## Aim of the task
Return only the lines of the listing below that run from the line with "aggregate(curtain_wall_1, [member_1])" through the line with "aggregate(curtain_wall_2, [member_2])", both ends included, exactly as written.
++++++++++
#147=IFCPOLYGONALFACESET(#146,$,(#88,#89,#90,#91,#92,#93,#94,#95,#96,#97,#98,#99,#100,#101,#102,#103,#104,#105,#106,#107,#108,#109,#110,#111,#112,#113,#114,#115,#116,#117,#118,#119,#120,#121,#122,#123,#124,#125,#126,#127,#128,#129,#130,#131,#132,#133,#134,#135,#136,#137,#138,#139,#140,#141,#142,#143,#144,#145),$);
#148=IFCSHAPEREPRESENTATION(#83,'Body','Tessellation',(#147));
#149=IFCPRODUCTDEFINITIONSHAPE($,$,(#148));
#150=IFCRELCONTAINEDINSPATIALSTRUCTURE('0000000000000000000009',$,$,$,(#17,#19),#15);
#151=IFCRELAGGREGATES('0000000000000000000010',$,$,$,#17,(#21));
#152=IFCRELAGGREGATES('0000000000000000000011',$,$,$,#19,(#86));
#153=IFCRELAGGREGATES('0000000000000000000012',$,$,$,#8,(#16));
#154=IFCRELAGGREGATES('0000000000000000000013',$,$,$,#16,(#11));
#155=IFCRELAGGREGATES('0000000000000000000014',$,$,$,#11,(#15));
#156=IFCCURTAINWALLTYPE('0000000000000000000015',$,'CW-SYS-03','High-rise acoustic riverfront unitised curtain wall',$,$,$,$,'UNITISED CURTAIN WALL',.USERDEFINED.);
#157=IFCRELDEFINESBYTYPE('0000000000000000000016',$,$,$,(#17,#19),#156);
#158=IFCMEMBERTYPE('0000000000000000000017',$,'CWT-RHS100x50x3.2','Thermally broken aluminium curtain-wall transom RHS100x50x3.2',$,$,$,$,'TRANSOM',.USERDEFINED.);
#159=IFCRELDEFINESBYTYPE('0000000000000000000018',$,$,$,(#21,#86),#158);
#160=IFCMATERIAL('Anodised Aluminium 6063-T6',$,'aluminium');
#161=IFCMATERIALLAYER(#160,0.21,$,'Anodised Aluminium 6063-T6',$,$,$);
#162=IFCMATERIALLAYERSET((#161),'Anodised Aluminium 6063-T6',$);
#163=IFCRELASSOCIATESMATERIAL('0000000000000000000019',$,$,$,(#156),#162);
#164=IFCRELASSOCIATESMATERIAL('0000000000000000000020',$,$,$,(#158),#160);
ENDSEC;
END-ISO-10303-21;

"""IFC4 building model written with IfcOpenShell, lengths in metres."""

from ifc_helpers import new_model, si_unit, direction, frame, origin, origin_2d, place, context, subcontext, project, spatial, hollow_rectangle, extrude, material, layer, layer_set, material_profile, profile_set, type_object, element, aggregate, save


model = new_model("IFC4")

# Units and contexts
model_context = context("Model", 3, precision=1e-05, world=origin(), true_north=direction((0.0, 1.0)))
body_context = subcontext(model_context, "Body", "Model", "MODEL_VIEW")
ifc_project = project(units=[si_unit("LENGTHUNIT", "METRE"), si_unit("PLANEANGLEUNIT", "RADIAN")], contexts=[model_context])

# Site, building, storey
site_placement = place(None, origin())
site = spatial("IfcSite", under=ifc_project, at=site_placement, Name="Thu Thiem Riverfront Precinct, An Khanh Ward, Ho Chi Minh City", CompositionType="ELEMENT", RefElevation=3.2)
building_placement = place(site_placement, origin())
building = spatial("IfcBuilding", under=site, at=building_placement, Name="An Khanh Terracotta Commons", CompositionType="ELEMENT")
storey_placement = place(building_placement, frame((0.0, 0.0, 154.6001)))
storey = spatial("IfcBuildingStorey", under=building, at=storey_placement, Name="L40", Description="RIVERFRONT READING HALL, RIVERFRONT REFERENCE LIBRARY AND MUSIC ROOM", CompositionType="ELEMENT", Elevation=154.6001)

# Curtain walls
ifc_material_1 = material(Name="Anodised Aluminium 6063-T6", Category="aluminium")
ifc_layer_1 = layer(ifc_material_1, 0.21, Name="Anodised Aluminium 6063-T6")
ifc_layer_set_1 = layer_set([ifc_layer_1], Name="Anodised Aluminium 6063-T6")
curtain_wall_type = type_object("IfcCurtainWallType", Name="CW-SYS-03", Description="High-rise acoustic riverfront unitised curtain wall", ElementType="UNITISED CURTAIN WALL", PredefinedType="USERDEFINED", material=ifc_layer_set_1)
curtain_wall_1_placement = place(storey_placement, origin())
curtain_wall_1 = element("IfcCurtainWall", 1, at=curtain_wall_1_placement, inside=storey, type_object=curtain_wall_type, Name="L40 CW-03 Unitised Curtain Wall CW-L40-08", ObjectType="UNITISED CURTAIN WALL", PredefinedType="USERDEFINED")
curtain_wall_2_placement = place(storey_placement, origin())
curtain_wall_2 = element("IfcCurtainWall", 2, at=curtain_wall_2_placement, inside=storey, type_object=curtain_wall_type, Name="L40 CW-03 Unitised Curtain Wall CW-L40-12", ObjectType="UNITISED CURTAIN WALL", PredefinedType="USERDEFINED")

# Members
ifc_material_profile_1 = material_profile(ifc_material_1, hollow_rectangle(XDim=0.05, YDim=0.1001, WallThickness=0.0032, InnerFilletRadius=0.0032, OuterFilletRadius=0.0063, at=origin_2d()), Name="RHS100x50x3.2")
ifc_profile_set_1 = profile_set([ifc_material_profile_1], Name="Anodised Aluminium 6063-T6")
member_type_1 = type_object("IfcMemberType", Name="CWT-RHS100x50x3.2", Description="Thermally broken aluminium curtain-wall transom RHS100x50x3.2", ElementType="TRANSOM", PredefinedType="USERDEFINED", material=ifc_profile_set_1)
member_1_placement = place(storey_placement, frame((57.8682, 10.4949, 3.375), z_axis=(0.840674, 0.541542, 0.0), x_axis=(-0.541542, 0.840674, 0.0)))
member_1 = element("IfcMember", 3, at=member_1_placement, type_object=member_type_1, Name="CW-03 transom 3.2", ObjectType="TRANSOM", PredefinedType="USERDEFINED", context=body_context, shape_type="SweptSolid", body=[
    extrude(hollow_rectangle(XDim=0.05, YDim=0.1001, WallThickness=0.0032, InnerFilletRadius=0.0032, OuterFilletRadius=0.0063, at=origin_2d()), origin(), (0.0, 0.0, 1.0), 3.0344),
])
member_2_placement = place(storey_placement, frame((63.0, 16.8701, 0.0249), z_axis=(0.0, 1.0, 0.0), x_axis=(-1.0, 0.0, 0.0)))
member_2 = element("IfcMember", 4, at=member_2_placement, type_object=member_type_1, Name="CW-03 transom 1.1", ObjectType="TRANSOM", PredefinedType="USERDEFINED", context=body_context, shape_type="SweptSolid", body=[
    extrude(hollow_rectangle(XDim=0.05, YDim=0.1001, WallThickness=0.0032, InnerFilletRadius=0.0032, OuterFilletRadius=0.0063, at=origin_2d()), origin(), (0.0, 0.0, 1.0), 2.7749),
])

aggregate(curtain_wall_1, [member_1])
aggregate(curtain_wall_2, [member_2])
++++++++++
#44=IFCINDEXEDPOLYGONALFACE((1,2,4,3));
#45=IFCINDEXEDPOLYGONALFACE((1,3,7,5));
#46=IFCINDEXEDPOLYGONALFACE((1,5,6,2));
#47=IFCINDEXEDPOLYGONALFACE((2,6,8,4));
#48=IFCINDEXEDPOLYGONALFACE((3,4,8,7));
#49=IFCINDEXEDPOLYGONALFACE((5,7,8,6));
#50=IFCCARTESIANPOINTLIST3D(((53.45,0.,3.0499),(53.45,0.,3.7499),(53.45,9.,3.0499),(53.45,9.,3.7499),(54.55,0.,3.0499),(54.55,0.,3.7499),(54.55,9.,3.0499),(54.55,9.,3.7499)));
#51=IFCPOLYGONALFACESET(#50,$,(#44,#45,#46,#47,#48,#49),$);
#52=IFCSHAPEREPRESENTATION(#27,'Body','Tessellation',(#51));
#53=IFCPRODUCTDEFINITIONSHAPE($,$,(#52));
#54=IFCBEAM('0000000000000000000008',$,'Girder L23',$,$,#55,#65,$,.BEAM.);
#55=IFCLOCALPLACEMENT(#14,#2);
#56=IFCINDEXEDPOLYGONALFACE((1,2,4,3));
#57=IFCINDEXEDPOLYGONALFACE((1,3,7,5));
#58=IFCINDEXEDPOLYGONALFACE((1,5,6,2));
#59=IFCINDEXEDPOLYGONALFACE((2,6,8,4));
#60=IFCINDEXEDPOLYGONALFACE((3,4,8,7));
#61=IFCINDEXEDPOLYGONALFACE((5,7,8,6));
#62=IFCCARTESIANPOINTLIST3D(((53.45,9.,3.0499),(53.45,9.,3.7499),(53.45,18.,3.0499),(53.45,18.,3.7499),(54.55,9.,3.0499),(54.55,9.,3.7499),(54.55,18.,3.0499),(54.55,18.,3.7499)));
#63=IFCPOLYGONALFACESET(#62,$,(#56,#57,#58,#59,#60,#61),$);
++++++++++
## Reply
aggregate(curtain_wall_1, [member_1])
aggregate(curtain_wall_2, [member_2])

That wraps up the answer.